<<<<
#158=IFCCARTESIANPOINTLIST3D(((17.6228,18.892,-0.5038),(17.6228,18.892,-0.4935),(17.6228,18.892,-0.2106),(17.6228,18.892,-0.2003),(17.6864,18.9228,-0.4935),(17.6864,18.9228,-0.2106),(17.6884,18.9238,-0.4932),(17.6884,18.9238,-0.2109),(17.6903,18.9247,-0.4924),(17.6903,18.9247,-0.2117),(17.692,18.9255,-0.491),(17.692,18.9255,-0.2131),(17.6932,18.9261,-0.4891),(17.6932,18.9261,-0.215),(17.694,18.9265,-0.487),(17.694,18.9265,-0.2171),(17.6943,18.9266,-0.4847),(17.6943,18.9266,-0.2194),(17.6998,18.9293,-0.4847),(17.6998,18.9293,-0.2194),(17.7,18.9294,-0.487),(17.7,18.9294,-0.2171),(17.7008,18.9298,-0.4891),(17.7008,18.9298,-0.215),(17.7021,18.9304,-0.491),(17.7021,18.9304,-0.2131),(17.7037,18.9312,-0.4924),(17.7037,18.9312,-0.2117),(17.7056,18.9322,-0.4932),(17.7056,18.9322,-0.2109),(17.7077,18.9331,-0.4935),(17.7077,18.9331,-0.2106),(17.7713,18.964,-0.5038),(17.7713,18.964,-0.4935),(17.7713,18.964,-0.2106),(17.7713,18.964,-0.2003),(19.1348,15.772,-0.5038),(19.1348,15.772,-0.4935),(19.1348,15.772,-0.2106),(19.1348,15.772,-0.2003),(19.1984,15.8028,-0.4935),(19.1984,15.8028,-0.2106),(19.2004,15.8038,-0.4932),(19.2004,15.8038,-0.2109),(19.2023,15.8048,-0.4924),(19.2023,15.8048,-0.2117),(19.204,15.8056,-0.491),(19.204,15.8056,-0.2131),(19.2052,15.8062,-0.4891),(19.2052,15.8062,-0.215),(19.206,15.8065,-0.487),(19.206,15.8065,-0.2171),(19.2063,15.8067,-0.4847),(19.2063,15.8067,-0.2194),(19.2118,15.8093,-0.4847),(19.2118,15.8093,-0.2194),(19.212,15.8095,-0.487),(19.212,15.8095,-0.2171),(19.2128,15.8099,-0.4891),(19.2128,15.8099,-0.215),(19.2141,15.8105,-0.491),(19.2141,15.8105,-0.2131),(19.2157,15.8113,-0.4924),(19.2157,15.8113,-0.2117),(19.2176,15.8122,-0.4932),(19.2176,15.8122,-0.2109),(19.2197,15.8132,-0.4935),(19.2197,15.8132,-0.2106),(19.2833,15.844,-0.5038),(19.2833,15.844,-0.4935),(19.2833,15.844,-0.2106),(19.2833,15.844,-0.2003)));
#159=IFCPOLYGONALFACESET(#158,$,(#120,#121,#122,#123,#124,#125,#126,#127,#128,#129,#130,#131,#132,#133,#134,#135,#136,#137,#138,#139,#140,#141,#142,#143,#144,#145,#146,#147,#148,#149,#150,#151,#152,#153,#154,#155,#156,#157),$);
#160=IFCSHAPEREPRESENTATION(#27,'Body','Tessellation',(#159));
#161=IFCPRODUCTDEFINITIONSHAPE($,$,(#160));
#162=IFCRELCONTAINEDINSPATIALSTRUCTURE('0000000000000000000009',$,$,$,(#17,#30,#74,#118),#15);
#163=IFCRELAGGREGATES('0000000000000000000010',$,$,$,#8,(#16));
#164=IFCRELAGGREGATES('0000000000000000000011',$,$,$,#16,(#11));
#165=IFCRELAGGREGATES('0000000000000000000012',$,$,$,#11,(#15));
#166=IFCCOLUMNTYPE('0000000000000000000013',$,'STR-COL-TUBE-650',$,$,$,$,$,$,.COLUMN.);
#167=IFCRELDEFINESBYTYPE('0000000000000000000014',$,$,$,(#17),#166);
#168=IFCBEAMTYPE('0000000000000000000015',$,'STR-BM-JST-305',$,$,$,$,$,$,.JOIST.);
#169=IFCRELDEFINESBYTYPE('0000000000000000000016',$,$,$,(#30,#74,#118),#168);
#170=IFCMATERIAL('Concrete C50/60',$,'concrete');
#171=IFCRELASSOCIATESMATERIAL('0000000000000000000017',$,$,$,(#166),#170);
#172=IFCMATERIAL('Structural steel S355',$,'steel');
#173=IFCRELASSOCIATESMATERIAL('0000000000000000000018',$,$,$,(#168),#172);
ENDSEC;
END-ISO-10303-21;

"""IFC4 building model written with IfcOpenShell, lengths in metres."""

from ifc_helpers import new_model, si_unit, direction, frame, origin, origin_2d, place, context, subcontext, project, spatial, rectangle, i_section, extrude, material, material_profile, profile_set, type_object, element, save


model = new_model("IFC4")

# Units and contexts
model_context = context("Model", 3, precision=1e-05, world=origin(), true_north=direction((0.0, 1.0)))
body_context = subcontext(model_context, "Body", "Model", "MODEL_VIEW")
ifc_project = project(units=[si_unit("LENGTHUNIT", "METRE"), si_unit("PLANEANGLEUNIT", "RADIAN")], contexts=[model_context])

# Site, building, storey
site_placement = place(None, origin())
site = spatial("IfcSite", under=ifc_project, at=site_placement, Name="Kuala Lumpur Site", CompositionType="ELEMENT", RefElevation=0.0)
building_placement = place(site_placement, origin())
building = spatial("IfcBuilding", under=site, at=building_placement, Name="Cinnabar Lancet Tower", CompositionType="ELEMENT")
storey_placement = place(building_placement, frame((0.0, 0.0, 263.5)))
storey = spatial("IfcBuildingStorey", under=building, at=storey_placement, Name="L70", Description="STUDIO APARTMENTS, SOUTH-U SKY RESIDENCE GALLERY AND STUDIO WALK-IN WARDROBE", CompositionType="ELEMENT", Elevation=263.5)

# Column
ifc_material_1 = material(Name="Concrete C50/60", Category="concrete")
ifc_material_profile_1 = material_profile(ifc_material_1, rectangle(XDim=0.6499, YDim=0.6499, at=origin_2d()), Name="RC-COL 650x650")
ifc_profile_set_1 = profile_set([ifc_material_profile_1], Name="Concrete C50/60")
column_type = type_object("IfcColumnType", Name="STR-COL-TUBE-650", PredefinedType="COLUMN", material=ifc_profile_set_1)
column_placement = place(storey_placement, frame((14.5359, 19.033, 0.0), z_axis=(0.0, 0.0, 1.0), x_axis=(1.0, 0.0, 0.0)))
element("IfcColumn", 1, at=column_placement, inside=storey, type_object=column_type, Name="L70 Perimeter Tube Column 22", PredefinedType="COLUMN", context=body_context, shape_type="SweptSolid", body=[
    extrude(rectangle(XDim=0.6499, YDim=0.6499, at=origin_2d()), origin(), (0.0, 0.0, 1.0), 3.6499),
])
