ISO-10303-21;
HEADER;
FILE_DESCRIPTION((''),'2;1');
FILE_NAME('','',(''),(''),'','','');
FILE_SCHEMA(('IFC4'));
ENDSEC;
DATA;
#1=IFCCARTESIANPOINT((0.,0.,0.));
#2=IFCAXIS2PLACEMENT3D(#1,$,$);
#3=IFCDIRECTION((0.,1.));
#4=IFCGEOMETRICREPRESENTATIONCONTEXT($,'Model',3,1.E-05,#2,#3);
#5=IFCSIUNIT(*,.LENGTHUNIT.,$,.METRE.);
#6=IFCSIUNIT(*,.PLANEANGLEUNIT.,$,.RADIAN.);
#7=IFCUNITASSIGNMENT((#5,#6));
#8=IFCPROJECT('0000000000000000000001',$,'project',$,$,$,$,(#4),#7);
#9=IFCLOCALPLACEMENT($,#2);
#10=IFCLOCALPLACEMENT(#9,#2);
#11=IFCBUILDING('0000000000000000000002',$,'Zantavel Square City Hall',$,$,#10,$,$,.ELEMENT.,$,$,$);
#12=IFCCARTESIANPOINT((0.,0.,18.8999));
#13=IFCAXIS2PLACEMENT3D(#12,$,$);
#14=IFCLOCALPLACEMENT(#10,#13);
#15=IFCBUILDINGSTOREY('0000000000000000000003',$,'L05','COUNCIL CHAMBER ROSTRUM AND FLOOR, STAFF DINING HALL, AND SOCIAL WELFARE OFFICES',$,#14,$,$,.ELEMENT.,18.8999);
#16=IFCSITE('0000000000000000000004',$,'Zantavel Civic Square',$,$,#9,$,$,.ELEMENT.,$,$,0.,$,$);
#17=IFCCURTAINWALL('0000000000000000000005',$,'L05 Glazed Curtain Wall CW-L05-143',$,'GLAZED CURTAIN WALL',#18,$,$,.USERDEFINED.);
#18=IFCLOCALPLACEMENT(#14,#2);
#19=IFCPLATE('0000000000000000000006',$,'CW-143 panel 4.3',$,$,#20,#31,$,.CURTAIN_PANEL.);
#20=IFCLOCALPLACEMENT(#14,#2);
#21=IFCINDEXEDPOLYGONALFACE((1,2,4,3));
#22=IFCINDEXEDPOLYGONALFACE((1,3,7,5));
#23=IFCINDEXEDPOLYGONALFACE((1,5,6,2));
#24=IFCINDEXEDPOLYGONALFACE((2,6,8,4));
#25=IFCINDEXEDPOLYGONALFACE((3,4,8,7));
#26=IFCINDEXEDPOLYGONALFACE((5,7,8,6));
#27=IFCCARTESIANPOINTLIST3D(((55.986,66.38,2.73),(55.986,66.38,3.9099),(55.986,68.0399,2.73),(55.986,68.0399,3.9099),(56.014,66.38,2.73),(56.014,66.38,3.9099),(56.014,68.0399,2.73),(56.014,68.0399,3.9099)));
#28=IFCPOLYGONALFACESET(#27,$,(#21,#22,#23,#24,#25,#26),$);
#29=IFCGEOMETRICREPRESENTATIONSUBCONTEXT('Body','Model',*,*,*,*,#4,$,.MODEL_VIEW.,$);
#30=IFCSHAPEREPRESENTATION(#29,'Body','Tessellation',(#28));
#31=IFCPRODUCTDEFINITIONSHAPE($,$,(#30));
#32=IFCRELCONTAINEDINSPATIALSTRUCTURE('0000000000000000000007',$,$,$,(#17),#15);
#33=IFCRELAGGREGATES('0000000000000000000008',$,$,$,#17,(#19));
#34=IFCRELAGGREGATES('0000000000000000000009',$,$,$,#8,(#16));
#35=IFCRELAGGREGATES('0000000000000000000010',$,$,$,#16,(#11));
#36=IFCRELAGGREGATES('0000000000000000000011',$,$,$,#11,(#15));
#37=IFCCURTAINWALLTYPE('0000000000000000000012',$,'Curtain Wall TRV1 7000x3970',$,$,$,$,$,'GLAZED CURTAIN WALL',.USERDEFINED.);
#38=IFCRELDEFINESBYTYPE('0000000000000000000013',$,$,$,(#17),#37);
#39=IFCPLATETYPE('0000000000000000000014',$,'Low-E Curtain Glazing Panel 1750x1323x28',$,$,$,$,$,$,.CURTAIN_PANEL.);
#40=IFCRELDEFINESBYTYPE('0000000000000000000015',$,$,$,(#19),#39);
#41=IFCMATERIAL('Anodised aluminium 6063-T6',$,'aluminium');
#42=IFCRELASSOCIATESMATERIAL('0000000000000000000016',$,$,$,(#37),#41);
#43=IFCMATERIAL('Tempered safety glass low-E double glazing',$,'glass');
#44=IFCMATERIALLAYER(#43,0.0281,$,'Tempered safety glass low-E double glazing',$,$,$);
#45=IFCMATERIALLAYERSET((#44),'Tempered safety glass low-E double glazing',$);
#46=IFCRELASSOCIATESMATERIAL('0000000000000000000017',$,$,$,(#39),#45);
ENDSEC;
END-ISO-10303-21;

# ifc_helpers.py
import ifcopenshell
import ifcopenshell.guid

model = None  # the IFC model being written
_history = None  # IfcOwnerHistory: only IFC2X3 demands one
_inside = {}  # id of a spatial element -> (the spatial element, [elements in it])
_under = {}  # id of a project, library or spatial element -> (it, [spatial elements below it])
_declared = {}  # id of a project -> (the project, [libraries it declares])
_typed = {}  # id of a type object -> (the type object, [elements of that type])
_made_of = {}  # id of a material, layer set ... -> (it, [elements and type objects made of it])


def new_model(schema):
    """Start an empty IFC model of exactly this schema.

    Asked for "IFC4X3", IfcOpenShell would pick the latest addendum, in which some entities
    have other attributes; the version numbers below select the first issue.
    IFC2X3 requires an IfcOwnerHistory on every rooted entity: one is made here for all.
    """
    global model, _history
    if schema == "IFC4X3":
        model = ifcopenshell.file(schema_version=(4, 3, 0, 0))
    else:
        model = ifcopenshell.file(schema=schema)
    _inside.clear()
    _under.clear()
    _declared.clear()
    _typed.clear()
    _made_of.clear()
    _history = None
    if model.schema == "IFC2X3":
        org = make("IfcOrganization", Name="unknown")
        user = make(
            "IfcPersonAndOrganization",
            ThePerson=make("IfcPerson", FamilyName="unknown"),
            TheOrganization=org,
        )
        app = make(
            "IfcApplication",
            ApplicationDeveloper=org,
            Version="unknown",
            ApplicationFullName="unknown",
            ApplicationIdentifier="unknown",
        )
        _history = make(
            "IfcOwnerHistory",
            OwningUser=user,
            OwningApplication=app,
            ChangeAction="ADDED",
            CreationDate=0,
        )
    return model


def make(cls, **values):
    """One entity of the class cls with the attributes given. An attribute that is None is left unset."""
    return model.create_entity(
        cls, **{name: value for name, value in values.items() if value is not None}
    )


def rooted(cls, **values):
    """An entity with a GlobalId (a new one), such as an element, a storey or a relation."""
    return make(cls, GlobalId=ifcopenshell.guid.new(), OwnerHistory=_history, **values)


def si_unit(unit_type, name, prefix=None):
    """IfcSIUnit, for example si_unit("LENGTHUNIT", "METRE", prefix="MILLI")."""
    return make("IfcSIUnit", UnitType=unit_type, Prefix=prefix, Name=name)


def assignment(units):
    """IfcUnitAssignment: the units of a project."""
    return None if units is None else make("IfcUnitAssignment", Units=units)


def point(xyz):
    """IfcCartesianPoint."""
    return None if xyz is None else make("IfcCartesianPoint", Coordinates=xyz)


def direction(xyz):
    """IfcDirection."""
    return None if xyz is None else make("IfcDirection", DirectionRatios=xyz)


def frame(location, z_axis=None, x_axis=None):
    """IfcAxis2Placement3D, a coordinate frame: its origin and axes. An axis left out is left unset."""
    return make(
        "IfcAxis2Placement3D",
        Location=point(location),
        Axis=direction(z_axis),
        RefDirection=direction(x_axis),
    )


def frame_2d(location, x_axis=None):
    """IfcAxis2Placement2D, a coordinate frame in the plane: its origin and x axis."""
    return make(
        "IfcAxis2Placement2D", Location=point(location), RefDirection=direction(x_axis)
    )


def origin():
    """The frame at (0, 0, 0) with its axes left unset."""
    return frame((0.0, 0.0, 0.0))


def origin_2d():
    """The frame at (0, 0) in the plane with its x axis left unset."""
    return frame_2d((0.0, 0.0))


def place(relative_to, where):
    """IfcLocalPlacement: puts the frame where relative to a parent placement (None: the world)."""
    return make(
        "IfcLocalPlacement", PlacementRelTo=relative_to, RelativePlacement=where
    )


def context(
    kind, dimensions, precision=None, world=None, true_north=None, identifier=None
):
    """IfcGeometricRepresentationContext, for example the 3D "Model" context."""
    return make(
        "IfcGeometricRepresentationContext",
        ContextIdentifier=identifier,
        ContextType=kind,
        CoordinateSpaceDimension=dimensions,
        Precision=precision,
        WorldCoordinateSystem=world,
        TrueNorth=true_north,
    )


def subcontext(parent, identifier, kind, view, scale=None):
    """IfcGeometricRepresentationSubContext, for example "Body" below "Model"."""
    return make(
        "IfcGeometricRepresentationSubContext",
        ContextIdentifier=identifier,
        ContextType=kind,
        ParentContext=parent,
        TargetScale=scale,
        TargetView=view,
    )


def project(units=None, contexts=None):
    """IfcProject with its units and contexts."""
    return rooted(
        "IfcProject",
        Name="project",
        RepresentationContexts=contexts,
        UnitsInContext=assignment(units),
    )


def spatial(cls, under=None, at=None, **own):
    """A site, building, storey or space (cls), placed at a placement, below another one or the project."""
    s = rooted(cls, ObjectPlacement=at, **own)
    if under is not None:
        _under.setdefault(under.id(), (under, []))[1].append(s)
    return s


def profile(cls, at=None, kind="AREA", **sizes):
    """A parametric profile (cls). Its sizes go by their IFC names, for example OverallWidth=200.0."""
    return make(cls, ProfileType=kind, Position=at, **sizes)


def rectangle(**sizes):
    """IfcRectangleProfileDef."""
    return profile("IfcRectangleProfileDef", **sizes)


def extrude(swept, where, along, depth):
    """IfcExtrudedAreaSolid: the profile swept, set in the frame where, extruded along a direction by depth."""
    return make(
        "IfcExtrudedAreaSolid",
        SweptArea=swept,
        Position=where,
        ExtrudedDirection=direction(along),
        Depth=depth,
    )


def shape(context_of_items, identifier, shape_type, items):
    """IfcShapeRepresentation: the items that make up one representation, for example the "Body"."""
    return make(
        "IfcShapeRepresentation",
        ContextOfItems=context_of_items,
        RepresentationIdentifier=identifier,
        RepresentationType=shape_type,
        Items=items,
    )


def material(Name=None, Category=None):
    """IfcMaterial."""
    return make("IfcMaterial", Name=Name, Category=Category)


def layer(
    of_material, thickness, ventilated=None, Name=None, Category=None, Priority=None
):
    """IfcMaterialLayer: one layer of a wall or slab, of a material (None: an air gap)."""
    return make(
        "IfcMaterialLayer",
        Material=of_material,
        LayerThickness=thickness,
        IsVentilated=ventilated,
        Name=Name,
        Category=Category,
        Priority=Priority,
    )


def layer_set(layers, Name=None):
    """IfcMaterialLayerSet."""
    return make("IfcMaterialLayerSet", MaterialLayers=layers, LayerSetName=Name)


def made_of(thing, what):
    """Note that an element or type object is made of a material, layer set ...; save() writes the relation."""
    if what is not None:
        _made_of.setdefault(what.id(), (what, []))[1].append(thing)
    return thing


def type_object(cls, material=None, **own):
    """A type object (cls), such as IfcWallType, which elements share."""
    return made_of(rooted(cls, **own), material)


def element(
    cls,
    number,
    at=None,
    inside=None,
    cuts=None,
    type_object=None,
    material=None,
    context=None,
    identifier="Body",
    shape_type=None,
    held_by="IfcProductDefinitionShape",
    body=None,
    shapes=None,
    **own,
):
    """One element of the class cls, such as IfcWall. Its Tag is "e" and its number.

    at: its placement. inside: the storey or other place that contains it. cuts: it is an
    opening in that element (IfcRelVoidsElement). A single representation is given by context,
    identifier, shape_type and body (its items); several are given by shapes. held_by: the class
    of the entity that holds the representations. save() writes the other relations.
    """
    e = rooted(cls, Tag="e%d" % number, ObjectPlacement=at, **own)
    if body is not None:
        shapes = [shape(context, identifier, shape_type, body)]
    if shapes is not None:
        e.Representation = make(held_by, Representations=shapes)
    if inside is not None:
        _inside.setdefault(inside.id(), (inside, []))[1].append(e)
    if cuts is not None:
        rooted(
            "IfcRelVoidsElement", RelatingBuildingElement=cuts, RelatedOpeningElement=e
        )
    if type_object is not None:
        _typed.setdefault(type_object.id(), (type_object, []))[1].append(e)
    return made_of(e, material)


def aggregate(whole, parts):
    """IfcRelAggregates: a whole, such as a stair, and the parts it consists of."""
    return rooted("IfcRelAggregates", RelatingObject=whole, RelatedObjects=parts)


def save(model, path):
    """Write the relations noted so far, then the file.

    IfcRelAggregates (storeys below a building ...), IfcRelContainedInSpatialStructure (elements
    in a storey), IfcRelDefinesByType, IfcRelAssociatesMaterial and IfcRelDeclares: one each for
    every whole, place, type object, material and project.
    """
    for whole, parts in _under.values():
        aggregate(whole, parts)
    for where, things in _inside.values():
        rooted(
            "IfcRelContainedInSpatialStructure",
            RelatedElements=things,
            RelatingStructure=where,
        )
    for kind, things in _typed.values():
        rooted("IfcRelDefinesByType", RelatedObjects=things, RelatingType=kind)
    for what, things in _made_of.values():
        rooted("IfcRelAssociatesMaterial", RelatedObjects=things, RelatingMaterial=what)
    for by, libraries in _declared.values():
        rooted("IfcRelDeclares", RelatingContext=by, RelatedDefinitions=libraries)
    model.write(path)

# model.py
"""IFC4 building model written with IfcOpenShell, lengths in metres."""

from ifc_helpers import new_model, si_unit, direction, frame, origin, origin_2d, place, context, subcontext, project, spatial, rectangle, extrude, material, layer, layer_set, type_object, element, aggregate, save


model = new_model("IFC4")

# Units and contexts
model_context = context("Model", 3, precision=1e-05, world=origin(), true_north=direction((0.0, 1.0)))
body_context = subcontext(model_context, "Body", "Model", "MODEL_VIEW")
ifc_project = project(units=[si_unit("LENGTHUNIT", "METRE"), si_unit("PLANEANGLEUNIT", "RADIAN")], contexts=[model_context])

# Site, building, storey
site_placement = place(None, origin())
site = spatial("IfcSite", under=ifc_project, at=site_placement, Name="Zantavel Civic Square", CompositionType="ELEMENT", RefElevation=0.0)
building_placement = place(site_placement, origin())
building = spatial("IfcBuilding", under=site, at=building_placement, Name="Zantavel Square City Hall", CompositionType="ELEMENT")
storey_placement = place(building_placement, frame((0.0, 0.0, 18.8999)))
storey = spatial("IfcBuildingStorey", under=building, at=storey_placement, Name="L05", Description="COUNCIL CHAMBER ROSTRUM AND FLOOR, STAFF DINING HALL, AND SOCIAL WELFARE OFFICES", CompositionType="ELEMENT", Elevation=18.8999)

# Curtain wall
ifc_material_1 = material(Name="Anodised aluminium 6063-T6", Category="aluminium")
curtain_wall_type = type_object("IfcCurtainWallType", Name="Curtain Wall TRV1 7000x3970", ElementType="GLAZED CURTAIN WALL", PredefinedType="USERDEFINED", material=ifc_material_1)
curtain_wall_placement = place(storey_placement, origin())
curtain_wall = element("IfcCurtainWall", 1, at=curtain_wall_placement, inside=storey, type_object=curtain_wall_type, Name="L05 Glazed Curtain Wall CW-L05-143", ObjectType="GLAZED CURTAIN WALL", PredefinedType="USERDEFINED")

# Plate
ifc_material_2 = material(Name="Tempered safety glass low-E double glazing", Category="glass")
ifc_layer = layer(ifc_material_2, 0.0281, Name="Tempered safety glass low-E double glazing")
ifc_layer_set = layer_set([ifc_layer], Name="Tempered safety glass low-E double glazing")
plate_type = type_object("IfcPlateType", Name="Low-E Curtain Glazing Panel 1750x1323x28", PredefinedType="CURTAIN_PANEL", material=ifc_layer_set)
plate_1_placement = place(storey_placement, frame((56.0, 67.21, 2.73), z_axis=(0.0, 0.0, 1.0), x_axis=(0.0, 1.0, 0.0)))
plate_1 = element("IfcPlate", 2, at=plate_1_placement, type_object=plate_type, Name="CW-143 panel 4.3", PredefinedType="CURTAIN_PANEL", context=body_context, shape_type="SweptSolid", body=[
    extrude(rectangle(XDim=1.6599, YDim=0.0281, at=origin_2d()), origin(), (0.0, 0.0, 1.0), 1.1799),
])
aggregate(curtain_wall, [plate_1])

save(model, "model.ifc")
>>>>
Exercise details:
Search the entries above for the string "IFCPOLYGONALFACESET". Copy each line in which it appears.

Answer box:
#159=IFCPOLYGONALFACESET(#158,$,(#120,#121,#122,#123,#124,#125,#126,#127,#128,#129,#130,#131,#132,#133,#134,#135,#136,#137,#138,#139,#140,#141,#142,#143,#144,#145,#146,#147,#148,#149,#150,#151,#152,#153,#154,#155,#156,#157),$);
#28=IFCPOLYGONALFACESET(#27,$,(#21,#22,#23,#24,#25,#26),$);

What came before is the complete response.